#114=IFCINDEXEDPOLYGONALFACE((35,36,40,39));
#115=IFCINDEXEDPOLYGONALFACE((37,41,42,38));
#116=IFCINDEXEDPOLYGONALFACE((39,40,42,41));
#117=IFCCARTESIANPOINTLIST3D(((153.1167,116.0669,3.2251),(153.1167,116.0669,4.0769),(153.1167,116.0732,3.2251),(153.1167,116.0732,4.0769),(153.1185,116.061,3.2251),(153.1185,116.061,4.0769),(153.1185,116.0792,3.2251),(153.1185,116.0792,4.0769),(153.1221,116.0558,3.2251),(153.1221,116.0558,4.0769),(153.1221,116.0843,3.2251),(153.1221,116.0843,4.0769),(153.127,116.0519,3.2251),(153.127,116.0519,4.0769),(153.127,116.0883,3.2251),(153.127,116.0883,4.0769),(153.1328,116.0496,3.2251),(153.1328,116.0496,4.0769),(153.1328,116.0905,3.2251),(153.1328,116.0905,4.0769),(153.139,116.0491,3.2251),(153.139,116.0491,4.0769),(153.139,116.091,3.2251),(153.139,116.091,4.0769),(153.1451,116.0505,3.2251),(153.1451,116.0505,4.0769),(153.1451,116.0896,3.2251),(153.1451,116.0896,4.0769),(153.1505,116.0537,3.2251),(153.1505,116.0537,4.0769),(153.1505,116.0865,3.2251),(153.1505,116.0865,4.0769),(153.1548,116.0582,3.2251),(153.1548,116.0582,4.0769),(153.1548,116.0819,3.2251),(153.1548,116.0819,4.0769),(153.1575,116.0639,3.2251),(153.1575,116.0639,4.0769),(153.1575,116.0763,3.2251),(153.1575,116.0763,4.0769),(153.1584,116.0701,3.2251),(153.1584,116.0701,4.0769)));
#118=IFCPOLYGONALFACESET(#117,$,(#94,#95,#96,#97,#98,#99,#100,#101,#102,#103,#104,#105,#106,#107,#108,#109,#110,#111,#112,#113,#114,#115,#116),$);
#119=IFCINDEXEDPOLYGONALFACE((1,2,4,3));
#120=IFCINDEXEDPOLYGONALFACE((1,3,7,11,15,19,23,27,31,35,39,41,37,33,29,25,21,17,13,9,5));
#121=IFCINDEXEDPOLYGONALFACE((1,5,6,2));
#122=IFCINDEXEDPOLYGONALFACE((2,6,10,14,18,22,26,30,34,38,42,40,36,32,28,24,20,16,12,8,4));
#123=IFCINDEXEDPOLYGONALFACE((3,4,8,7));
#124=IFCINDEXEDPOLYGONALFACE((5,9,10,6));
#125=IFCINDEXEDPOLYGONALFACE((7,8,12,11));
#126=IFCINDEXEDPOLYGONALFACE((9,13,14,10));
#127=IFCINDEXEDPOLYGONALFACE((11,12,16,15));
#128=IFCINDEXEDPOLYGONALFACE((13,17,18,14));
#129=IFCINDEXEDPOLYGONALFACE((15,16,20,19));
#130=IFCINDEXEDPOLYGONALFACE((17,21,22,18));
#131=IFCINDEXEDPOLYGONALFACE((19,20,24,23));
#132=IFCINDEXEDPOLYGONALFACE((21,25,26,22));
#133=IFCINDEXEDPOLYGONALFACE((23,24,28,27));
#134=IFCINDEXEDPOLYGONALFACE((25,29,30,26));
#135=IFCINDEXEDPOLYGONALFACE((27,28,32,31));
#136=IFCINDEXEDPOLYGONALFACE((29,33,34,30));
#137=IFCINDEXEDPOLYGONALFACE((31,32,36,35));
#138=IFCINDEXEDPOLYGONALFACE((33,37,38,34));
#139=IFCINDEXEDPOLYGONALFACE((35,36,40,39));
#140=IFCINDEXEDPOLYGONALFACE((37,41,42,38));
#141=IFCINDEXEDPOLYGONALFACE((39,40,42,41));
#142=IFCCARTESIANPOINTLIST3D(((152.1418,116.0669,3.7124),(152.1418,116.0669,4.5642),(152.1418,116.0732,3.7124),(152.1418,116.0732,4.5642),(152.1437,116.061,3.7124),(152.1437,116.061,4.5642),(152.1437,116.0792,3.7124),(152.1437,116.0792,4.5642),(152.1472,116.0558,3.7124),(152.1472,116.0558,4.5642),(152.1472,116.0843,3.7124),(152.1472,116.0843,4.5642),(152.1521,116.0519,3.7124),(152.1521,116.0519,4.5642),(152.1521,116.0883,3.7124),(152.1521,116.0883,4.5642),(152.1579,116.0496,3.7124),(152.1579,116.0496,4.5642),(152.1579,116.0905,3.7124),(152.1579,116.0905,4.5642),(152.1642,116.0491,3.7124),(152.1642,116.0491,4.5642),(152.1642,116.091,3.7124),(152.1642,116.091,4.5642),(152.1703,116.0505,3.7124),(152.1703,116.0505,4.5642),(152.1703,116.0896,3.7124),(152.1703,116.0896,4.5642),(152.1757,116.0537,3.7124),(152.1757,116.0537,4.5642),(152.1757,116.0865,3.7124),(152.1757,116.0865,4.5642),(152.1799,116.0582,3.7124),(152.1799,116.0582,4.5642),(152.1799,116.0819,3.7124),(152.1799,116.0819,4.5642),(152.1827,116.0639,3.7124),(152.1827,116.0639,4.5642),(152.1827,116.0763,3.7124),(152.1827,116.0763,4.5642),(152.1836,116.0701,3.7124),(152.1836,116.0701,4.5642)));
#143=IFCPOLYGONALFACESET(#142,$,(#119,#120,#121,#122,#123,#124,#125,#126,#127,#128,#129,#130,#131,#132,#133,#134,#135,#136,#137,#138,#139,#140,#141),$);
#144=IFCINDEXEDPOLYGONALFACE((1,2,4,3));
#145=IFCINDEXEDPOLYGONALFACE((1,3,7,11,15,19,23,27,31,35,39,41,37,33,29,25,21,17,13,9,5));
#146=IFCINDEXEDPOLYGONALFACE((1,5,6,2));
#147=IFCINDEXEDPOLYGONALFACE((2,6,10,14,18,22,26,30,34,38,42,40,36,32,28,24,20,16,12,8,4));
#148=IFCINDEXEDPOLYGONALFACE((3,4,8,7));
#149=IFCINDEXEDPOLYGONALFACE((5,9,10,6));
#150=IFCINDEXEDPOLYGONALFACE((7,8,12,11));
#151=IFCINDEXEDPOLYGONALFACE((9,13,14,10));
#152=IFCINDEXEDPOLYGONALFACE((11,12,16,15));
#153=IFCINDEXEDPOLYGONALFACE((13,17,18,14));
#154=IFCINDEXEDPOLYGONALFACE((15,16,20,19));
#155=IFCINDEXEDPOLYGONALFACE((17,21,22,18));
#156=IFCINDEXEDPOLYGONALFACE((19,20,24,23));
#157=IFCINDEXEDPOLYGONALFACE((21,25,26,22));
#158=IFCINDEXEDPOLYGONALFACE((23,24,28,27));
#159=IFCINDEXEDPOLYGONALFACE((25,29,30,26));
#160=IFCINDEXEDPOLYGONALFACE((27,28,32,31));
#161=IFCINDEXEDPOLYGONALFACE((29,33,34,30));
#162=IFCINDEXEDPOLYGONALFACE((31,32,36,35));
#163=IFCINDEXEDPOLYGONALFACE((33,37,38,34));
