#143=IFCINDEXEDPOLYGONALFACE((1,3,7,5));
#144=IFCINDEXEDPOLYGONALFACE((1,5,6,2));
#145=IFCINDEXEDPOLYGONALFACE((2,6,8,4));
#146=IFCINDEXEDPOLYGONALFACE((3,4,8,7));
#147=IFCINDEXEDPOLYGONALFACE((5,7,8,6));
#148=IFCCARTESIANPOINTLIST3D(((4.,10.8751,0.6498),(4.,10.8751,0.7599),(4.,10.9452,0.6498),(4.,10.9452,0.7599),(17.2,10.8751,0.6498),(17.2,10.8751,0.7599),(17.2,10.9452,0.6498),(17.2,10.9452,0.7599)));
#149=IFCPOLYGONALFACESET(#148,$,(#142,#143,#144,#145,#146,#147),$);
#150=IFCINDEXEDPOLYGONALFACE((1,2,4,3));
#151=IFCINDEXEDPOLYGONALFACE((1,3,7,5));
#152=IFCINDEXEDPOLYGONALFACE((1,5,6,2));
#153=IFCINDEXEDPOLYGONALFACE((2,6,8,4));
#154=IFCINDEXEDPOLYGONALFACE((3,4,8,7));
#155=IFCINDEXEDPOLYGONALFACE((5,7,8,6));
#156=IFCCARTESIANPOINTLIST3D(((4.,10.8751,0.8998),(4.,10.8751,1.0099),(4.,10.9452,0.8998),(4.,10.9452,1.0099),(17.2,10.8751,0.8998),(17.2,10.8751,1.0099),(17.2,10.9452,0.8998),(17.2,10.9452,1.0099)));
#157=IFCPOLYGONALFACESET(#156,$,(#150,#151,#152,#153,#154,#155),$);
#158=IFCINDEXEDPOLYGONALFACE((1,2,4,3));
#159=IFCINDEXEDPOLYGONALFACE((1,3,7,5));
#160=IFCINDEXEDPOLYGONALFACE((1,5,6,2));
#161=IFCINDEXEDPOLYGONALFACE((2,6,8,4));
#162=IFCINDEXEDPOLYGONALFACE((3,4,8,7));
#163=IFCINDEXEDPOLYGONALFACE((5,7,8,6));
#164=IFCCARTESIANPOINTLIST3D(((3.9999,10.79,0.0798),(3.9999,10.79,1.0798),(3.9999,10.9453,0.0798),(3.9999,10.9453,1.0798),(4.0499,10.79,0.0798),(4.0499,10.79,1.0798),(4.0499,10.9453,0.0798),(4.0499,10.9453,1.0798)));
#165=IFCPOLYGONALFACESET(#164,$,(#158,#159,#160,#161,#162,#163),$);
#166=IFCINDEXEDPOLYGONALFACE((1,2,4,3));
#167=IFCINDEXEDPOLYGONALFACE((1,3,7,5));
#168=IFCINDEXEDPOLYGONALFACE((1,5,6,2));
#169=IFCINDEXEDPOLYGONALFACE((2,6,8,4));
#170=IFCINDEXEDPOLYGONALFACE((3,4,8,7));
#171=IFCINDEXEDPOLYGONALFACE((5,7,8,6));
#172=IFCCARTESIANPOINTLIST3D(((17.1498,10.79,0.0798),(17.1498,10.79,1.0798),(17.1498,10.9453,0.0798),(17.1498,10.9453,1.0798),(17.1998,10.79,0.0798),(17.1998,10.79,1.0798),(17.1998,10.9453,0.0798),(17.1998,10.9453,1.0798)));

=======

**How to complete this task:**
Beginning of the records through the line with "#116=IFCINDEXEDPOLYGONALFACE((39,40,42,41));": return that span exactly and stop there.

**Result below:**
#114=IFCINDEXEDPOLYGONALFACE((35,36,40,39));
#115=IFCINDEXEDPOLYGONALFACE((37,41,42,38));
#116=IFCINDEXEDPOLYGONALFACE((39,40,42,41));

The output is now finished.